• **PROMPT**
Below are records; say how many of their lines include the word "IFCRELAGGREGATES", giving nothing but the number.

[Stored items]
*** Begin section ***

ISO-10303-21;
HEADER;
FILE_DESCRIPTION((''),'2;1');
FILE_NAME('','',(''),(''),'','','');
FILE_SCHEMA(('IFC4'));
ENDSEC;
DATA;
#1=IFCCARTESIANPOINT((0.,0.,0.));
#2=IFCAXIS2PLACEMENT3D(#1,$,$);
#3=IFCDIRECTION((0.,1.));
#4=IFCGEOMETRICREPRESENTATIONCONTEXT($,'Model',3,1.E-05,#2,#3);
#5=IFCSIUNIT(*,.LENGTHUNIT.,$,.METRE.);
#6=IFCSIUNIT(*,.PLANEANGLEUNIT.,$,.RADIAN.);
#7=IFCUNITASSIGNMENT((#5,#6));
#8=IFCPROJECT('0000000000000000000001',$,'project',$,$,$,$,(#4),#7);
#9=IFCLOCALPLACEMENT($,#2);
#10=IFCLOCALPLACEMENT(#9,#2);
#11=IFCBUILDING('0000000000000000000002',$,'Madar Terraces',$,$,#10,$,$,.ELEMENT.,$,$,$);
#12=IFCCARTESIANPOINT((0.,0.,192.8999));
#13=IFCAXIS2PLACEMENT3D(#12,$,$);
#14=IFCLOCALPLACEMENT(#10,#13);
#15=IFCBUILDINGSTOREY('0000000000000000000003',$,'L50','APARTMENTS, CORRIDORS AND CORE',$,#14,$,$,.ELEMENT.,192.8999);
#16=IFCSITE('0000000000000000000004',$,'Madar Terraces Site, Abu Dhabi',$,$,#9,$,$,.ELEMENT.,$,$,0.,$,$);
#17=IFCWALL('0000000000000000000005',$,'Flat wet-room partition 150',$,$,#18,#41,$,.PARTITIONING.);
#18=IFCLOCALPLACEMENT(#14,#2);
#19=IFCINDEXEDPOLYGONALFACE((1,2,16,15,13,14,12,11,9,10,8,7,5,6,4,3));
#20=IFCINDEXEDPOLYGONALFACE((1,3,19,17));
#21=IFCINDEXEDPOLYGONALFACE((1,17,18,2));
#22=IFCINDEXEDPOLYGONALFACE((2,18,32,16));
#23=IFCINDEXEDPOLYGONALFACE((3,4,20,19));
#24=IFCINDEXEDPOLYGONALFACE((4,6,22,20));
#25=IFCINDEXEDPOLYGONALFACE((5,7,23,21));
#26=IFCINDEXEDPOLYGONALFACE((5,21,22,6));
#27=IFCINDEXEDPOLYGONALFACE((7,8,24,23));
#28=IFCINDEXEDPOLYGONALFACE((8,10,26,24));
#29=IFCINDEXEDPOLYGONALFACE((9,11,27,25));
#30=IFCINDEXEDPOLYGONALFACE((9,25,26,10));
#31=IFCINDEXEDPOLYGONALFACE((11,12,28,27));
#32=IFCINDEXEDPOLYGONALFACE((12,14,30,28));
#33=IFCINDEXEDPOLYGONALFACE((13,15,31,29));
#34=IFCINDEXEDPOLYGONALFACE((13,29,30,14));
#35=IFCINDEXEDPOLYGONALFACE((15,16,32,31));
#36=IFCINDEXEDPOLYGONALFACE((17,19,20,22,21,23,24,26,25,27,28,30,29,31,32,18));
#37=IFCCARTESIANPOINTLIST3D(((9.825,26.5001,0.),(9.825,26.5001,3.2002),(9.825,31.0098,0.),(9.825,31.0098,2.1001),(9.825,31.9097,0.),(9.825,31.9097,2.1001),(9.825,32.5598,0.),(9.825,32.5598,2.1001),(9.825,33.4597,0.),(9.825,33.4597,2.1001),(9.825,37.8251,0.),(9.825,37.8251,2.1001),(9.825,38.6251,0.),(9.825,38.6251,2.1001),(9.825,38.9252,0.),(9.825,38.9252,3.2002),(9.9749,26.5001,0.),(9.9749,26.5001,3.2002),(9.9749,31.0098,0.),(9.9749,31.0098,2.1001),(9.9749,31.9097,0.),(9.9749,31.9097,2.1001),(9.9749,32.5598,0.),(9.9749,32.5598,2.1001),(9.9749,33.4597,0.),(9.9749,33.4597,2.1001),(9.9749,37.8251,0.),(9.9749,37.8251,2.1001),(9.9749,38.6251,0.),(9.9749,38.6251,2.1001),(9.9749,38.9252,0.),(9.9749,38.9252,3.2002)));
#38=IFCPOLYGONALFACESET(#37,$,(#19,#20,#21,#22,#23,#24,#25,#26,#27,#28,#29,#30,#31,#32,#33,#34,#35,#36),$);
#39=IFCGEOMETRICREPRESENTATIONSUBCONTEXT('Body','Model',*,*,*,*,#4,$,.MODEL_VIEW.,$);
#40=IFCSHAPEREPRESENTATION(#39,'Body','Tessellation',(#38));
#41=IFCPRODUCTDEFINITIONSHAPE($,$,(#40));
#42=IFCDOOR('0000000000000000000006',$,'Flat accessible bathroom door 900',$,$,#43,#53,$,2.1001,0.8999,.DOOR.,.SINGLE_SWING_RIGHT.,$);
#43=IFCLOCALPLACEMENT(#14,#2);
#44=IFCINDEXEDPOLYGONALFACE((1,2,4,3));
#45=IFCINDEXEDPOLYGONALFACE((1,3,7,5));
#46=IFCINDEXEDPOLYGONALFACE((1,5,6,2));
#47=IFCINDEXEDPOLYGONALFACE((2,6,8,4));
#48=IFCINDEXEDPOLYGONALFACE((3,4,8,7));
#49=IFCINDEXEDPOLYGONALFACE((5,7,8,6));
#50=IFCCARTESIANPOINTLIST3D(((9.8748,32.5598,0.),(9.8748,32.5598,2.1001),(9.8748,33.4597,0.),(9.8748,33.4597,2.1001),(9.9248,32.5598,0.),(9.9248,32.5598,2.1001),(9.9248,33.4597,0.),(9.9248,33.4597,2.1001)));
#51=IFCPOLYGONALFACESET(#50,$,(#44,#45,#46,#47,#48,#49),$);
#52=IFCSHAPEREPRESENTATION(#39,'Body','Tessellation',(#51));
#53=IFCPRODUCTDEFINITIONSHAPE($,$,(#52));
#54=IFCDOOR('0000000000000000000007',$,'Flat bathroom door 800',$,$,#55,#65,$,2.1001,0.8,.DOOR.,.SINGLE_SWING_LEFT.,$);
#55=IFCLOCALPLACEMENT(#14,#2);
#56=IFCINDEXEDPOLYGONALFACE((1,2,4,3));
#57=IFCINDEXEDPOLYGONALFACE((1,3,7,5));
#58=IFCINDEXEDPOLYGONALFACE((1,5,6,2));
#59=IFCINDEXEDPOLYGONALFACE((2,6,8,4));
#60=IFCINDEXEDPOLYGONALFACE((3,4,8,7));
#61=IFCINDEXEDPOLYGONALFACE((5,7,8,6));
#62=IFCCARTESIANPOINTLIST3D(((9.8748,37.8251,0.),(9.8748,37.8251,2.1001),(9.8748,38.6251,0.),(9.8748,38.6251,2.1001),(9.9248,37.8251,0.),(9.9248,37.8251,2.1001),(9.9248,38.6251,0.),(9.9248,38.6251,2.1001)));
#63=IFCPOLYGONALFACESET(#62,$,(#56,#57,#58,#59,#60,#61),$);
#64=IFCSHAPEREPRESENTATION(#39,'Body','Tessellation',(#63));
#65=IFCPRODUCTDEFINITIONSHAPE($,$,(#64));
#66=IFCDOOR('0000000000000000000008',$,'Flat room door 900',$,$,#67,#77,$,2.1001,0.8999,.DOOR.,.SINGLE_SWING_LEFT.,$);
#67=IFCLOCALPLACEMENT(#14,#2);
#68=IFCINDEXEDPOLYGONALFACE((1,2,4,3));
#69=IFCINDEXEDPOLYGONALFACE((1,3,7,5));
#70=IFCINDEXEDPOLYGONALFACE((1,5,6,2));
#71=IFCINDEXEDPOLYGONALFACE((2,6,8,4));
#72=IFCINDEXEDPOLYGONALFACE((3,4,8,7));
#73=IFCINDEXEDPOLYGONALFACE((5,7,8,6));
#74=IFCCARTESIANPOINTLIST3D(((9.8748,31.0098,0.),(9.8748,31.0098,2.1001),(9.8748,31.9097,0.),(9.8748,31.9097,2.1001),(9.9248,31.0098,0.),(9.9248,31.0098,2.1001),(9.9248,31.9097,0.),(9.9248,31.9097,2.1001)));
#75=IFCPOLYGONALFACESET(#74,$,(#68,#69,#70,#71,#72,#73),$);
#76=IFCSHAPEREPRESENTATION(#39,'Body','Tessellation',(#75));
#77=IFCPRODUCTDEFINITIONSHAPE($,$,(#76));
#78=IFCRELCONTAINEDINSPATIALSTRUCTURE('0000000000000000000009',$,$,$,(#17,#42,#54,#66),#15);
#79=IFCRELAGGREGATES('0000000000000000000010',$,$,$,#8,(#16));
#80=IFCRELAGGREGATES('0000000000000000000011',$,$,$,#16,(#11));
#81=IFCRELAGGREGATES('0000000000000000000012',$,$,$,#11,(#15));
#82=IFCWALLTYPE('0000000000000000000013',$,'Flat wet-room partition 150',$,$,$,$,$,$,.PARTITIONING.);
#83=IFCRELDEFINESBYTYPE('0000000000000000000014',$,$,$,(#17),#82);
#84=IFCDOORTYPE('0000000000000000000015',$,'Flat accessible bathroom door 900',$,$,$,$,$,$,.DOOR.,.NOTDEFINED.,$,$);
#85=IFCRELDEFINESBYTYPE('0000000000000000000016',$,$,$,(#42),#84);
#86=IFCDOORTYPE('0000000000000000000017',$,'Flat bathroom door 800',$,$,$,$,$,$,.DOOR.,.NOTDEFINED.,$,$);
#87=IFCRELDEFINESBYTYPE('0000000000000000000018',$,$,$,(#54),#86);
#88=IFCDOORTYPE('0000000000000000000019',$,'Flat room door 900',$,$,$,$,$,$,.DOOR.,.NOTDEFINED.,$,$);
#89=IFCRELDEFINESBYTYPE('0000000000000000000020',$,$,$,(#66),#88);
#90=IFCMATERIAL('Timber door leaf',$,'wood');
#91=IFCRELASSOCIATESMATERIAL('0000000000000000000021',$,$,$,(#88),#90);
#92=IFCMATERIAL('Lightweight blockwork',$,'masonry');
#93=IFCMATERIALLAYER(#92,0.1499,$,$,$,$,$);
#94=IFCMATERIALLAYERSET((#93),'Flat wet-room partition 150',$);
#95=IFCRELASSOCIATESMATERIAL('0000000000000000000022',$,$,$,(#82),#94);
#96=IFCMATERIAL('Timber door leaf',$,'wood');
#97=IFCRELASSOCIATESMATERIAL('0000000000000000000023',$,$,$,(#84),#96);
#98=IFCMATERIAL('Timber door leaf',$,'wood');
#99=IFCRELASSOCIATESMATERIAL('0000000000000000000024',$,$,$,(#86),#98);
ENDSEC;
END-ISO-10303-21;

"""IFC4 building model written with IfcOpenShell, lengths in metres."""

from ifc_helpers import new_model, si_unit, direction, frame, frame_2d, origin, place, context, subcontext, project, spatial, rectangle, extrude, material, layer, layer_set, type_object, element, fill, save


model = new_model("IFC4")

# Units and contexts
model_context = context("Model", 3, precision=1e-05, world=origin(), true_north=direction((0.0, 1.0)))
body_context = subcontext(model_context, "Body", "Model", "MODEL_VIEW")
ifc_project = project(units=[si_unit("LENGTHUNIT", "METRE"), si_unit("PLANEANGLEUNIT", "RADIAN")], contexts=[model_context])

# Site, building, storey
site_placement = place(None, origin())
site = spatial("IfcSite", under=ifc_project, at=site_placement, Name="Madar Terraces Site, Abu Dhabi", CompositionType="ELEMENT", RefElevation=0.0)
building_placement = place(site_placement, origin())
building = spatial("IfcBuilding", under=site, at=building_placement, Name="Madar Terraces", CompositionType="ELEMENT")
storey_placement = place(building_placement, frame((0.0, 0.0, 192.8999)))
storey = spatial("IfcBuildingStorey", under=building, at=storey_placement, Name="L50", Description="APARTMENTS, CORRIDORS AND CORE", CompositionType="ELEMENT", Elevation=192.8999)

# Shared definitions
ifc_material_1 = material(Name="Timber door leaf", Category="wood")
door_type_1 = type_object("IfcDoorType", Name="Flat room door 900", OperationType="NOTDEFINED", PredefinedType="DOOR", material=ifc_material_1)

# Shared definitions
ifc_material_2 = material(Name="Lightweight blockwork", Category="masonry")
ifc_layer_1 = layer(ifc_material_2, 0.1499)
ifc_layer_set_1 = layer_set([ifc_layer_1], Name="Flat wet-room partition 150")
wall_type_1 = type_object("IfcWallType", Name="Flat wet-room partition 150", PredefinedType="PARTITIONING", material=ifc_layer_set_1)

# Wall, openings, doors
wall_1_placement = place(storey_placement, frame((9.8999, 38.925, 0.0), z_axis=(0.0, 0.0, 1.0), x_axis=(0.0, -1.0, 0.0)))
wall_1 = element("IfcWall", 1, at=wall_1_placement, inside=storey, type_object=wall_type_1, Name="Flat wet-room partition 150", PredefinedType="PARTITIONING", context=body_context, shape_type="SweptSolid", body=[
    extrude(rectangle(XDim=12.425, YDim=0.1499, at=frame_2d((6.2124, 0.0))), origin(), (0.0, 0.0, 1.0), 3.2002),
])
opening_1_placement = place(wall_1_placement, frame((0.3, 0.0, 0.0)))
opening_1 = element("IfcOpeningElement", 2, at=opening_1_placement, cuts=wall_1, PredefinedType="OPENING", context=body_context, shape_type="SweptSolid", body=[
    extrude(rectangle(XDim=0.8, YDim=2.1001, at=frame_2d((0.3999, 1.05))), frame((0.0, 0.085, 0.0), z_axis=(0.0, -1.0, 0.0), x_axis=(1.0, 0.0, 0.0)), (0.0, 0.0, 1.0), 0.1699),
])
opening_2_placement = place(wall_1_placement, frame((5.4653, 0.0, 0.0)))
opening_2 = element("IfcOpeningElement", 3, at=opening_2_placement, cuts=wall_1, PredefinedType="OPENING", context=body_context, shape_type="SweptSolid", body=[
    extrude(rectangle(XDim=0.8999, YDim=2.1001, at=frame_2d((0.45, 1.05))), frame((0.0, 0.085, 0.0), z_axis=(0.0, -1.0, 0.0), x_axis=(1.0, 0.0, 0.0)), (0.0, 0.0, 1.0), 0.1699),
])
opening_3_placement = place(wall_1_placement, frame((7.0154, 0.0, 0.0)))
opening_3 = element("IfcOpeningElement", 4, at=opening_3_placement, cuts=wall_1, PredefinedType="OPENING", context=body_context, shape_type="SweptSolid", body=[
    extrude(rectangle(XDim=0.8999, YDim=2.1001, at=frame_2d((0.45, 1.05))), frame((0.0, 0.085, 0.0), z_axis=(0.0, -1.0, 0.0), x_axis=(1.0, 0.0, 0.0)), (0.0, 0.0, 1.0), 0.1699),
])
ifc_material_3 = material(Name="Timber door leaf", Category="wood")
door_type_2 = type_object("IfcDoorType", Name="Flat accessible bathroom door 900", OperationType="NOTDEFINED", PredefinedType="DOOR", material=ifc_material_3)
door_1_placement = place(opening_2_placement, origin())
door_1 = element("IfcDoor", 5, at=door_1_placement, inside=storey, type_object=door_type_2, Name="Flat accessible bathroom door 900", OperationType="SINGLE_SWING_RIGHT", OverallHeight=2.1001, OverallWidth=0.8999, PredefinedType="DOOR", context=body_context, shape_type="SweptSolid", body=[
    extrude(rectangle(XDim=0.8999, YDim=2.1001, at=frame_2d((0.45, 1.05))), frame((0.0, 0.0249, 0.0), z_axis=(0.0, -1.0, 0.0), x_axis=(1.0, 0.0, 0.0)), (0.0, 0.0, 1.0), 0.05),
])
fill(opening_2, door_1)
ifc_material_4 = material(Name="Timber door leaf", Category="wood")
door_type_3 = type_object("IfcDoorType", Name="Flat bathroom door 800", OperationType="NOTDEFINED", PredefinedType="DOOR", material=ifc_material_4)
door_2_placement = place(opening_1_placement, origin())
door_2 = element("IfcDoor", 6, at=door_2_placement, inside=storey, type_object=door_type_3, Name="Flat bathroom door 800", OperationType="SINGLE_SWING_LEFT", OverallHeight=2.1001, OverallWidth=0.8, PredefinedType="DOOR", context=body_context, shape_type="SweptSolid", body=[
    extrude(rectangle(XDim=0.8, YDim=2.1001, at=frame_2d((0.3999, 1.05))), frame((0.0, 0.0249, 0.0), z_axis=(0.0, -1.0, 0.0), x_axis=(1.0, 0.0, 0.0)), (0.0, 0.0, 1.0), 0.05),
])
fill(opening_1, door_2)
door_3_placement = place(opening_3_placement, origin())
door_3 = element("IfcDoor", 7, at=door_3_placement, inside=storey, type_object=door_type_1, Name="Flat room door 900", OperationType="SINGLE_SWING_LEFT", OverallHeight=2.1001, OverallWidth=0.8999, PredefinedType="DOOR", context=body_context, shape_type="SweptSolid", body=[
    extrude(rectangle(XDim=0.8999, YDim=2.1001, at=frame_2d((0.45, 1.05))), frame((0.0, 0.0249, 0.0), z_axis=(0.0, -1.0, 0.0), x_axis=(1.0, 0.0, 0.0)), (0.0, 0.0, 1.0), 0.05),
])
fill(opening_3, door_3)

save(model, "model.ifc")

*** End section ***

• **SOLUTION FOR THIS TASK**
3